Look through the entries. Copy each line that has the word "glass".
*** LISTED RECORDS Section Begins ***
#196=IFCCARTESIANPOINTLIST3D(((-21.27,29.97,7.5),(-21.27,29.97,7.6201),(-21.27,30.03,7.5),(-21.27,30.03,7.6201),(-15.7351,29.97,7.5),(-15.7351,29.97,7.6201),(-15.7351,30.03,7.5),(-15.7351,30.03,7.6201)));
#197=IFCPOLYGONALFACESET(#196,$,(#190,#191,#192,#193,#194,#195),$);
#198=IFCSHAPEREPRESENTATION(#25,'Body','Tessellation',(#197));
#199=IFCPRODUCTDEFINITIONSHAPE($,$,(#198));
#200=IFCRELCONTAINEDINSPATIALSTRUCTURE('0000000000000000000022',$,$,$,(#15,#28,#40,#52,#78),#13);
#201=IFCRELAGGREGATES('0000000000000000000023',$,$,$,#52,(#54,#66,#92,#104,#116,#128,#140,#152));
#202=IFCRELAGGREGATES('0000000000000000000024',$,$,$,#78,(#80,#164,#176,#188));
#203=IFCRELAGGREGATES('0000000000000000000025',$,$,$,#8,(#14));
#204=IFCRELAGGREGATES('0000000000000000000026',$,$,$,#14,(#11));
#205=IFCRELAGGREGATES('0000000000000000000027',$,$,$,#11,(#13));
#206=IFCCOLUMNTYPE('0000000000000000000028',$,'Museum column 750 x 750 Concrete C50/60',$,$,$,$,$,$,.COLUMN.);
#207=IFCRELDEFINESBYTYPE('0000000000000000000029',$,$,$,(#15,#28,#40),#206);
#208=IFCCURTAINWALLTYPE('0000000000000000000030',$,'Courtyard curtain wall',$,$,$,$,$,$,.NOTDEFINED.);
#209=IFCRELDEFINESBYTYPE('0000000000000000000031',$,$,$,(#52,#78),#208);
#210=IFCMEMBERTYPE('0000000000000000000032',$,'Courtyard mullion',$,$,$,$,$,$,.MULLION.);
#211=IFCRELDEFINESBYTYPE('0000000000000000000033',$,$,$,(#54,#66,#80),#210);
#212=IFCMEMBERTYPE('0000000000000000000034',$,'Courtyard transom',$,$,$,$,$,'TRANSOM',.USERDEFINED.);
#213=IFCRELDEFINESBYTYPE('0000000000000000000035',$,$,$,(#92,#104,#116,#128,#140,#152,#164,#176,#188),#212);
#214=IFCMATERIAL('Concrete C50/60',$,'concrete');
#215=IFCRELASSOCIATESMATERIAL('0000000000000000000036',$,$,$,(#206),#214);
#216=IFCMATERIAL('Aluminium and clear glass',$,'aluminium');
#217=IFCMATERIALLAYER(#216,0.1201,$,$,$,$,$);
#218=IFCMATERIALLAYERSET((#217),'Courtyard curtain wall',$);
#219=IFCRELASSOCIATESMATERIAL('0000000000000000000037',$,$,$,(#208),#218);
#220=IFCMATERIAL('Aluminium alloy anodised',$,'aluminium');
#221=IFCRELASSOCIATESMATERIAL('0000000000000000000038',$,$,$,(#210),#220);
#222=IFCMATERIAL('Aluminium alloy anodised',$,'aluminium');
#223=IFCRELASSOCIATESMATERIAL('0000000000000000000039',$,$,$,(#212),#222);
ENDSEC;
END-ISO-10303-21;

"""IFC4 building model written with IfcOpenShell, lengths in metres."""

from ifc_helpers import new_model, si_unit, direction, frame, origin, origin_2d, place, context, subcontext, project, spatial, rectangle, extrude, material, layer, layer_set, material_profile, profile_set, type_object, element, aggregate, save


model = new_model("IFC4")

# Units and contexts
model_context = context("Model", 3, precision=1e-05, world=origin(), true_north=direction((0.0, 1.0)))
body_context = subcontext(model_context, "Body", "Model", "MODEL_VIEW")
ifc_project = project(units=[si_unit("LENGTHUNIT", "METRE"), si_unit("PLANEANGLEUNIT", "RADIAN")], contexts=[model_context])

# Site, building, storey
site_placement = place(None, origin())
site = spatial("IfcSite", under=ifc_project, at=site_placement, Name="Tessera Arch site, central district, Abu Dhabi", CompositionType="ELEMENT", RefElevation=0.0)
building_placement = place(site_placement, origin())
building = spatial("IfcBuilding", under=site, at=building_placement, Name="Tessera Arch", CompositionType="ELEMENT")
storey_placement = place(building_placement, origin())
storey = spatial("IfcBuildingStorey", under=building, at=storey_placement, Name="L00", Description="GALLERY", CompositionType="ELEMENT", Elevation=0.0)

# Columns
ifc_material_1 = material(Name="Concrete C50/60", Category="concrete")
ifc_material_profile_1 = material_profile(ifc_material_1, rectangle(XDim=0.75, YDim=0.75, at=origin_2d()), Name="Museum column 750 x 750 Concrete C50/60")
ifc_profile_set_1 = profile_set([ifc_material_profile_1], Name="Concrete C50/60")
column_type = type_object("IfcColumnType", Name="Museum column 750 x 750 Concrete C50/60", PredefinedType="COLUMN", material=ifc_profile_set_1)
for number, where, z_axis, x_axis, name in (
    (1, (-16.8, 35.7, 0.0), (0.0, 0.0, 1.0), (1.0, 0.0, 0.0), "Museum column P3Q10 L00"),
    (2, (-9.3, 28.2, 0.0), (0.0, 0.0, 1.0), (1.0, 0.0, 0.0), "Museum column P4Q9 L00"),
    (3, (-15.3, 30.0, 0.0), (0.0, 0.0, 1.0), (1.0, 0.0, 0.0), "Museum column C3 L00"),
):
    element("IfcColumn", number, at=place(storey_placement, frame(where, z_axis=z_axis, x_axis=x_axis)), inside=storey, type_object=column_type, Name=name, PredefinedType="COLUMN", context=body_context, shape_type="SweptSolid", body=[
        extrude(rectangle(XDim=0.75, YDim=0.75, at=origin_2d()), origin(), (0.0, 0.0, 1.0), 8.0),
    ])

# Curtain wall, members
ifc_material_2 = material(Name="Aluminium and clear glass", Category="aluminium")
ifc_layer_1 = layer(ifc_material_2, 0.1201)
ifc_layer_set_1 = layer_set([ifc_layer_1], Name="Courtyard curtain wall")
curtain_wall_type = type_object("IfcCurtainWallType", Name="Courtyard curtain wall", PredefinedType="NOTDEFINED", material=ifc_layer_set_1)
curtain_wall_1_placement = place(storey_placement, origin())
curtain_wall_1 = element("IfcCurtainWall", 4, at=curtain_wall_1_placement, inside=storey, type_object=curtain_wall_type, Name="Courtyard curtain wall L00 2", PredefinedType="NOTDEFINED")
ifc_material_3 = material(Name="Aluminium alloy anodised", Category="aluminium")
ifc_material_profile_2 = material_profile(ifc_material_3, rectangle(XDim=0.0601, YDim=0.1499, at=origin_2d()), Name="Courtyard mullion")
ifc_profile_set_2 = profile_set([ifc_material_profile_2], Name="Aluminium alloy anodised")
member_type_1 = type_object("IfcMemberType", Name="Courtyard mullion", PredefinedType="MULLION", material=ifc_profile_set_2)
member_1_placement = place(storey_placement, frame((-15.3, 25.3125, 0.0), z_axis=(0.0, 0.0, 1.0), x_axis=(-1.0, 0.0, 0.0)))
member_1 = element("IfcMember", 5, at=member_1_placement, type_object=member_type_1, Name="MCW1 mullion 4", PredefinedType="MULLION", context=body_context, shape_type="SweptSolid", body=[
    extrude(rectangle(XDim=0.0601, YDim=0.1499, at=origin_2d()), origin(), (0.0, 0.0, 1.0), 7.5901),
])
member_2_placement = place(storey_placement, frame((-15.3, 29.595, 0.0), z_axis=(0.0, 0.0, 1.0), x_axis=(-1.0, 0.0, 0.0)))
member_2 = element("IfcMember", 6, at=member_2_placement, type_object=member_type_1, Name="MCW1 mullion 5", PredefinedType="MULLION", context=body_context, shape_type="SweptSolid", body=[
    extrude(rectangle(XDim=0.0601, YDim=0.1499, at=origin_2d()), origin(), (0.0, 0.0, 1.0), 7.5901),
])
*** LISTED RECORDS Section Ends ***
- TASK OUTPUT:
#216=IFCMATERIAL('Aluminium and clear glass',$,'aluminium');
ifc_material_2 = material(Name="Aluminium and clear glass", Category="aluminium")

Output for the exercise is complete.